[Given records — start]

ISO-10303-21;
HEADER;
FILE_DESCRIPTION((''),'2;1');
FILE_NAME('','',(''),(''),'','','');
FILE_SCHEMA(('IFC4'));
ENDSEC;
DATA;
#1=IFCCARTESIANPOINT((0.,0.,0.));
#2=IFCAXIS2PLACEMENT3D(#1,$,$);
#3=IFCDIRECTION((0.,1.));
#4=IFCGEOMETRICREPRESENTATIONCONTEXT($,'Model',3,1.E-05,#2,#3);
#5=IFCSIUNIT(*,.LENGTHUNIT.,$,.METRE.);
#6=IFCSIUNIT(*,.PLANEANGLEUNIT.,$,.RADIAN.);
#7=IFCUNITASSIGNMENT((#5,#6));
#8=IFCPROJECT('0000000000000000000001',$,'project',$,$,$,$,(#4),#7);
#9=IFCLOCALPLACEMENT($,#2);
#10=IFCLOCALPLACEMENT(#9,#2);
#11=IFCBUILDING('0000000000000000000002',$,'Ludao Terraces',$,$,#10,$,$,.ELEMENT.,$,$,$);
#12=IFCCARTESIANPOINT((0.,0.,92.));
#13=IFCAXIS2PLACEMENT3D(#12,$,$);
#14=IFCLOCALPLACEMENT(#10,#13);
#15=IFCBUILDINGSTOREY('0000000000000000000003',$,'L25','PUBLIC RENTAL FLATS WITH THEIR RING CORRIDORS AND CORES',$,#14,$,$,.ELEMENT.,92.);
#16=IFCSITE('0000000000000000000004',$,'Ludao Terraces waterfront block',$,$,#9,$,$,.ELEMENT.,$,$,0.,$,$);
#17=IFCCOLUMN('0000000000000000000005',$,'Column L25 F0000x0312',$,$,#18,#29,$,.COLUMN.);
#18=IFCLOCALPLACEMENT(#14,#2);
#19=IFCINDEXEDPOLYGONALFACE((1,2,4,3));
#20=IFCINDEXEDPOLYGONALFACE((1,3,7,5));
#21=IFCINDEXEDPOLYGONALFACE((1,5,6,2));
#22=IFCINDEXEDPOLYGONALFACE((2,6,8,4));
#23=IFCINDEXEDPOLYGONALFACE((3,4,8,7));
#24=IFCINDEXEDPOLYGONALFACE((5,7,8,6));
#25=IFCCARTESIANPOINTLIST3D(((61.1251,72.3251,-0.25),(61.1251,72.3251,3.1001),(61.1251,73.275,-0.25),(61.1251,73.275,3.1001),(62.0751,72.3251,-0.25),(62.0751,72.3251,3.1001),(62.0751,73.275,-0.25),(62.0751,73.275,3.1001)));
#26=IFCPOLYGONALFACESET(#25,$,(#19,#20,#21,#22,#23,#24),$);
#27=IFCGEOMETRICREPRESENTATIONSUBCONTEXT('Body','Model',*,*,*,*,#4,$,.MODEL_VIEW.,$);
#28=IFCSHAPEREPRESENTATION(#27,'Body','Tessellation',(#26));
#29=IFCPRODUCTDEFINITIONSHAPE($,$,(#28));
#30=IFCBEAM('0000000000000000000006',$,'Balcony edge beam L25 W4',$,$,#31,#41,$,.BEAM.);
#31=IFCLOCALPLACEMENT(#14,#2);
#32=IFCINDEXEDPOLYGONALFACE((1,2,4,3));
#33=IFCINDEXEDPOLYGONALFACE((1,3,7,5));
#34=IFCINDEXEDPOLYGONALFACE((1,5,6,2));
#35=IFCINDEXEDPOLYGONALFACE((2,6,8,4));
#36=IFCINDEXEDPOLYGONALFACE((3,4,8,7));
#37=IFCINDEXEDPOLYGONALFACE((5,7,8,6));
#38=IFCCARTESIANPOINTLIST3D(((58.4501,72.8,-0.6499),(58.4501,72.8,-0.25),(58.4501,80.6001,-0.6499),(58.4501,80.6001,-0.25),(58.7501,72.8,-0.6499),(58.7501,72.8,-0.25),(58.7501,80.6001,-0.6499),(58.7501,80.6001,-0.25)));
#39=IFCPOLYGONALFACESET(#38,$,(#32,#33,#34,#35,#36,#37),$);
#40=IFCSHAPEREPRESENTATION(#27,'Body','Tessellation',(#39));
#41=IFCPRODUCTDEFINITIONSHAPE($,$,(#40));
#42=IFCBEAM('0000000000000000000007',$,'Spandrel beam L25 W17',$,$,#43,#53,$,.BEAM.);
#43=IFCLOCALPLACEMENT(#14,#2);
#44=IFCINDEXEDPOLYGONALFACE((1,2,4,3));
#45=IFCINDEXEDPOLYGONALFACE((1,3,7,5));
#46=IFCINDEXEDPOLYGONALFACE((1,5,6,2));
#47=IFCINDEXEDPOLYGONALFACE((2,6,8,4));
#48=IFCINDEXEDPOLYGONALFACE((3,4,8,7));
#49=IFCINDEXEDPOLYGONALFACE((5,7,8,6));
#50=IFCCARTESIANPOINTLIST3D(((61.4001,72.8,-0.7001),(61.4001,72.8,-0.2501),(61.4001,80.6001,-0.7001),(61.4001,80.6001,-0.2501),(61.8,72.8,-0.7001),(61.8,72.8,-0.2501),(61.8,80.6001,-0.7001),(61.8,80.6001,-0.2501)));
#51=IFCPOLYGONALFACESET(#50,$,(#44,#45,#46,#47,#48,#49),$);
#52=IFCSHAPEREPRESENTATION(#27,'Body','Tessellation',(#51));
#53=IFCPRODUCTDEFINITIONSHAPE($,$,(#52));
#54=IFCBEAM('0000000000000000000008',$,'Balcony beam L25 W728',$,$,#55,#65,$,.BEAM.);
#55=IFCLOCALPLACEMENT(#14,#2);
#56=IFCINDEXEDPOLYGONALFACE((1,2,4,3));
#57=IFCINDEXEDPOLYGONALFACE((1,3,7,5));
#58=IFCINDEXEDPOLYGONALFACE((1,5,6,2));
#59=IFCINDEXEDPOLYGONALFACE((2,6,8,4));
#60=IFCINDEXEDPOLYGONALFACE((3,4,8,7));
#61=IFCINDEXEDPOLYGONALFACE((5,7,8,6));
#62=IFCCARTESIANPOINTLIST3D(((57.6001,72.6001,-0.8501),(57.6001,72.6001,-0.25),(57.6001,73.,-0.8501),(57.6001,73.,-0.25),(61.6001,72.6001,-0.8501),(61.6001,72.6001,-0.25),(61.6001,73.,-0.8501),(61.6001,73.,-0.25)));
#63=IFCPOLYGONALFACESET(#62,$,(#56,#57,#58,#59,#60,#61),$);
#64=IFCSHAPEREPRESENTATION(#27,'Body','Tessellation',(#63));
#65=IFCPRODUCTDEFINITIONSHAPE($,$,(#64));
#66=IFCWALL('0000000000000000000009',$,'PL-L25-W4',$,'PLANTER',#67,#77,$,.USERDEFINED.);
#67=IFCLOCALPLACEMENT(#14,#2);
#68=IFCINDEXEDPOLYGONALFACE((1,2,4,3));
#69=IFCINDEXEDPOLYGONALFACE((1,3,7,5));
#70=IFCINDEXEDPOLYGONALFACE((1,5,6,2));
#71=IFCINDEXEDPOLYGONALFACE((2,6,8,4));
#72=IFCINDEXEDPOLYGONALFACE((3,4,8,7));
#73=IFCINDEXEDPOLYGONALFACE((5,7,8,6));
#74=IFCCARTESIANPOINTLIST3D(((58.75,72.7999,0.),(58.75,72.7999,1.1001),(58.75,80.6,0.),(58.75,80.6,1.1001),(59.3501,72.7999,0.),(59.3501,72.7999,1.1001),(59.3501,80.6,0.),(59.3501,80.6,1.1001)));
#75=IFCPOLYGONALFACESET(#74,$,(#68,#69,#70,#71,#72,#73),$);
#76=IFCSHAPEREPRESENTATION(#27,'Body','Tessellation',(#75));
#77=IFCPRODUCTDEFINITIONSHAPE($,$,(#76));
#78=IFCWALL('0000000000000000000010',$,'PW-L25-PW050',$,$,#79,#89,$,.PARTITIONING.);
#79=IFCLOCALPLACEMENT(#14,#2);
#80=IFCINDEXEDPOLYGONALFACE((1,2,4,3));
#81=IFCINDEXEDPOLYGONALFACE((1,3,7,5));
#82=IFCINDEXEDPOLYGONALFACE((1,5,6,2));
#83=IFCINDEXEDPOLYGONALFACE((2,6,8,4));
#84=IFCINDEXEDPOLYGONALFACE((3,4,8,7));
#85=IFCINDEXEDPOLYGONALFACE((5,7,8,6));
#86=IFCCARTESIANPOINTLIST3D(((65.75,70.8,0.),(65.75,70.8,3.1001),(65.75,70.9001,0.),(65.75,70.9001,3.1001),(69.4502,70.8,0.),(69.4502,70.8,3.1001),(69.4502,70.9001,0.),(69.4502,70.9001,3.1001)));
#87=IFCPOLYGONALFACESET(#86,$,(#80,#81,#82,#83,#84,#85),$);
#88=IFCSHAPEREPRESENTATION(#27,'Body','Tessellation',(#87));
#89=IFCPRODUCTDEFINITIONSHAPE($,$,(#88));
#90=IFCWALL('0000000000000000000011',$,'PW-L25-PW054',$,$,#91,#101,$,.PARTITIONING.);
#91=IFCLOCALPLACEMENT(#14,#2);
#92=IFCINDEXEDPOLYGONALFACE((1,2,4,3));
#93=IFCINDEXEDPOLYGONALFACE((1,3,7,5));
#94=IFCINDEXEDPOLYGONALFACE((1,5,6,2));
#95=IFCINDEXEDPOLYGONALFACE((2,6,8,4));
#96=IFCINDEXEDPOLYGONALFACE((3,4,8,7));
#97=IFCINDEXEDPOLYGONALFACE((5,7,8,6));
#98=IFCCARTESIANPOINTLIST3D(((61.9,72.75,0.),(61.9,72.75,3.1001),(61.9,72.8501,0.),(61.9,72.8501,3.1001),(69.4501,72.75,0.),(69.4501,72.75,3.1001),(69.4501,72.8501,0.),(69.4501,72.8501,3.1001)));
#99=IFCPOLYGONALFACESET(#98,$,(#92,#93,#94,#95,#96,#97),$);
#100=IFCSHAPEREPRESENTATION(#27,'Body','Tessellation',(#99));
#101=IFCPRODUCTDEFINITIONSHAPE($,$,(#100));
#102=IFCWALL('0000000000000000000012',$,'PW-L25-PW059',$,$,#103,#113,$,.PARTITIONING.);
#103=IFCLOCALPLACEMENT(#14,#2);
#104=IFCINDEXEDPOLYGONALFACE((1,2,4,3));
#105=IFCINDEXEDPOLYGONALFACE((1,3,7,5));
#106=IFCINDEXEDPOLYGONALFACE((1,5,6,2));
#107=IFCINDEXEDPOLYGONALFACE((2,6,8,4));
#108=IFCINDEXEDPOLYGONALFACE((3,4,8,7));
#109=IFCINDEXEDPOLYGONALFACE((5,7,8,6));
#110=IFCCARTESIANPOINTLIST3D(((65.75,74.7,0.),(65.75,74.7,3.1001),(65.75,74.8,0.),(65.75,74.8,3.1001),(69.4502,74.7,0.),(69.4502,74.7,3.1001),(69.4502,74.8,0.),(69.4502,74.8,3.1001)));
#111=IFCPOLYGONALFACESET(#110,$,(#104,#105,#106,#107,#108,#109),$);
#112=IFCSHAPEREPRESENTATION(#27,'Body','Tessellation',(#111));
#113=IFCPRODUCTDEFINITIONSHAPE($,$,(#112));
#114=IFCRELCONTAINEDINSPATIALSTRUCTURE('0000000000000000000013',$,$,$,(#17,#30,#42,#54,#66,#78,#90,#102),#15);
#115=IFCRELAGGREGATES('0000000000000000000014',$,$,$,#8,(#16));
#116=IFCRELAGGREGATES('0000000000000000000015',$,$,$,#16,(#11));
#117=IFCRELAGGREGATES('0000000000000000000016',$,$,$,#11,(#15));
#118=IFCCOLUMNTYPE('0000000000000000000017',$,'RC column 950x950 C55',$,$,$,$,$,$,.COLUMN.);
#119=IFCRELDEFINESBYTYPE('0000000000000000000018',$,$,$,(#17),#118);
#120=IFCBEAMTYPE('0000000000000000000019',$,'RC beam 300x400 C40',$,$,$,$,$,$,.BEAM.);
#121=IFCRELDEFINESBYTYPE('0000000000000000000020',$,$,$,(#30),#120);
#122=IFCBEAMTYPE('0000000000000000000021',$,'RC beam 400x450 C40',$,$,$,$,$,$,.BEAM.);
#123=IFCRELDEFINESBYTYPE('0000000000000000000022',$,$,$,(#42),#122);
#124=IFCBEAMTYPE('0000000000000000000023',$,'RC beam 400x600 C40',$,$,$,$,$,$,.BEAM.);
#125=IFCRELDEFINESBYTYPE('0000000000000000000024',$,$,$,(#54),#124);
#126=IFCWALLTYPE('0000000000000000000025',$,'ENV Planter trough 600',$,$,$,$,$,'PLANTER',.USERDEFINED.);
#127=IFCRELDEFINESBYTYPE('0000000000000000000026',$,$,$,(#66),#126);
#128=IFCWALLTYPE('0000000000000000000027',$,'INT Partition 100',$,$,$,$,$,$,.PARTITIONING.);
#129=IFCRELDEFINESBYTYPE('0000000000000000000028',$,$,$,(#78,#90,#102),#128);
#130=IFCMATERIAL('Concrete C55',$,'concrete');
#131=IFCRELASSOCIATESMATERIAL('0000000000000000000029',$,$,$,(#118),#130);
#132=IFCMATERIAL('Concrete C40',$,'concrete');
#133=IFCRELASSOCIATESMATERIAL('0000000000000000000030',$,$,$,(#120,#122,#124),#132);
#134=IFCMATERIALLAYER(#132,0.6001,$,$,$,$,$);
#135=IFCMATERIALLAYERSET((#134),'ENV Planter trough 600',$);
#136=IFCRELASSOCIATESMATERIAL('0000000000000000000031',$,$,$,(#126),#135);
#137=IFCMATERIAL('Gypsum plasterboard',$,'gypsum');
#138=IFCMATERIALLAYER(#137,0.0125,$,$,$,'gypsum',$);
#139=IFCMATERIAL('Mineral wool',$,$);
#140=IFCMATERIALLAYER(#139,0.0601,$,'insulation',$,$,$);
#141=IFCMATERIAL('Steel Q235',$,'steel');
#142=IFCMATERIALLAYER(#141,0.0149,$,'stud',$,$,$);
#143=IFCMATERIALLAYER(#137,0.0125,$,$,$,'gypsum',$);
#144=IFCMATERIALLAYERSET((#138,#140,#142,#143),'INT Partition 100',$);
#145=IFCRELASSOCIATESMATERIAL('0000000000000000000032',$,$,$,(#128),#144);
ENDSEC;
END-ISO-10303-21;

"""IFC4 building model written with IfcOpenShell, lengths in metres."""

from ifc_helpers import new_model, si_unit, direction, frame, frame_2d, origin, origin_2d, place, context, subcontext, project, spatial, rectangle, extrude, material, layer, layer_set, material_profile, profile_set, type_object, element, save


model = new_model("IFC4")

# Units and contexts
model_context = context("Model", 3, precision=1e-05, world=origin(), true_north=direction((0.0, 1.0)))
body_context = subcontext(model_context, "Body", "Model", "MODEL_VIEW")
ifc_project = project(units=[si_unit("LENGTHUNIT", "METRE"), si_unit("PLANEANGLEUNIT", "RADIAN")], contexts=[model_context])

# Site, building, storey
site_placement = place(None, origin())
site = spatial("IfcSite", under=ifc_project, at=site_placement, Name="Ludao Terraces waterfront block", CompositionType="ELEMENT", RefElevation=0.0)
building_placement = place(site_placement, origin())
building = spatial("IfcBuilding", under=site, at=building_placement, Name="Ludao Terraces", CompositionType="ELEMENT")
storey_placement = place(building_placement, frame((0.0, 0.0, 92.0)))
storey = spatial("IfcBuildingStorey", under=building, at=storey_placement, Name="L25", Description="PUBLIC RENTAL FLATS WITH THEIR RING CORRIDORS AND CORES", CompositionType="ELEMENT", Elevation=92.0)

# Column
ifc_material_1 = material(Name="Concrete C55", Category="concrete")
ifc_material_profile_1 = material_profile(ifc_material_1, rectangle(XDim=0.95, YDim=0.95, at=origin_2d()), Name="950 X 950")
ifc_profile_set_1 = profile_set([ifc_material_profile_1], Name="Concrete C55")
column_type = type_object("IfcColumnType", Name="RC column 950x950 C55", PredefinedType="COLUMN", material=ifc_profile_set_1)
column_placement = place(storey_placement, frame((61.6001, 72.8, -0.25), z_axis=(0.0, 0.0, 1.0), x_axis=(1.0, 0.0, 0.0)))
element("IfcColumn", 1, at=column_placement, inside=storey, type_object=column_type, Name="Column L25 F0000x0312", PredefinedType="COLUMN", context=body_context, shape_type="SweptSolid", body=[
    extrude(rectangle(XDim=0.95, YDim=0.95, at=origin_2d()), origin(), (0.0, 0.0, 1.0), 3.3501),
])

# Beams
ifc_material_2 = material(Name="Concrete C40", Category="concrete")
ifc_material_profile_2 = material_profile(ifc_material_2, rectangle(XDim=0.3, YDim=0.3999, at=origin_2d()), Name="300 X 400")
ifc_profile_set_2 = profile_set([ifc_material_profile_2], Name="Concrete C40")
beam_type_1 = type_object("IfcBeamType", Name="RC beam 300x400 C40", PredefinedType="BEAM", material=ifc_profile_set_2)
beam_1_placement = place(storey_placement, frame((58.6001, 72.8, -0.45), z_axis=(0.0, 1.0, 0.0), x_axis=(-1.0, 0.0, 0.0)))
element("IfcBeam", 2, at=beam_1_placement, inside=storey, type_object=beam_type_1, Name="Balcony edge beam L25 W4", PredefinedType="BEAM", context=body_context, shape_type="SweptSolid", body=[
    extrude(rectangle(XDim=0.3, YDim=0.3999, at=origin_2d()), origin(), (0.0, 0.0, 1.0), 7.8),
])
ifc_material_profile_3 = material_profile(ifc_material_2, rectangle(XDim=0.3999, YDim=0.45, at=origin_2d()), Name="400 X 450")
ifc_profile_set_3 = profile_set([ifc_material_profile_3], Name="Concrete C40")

[Given records — finish]

* **Task description**
If a line in the entries holds the string "USERDEFINED", it belongs in the tally; state the tally alone.

* **Solution**
2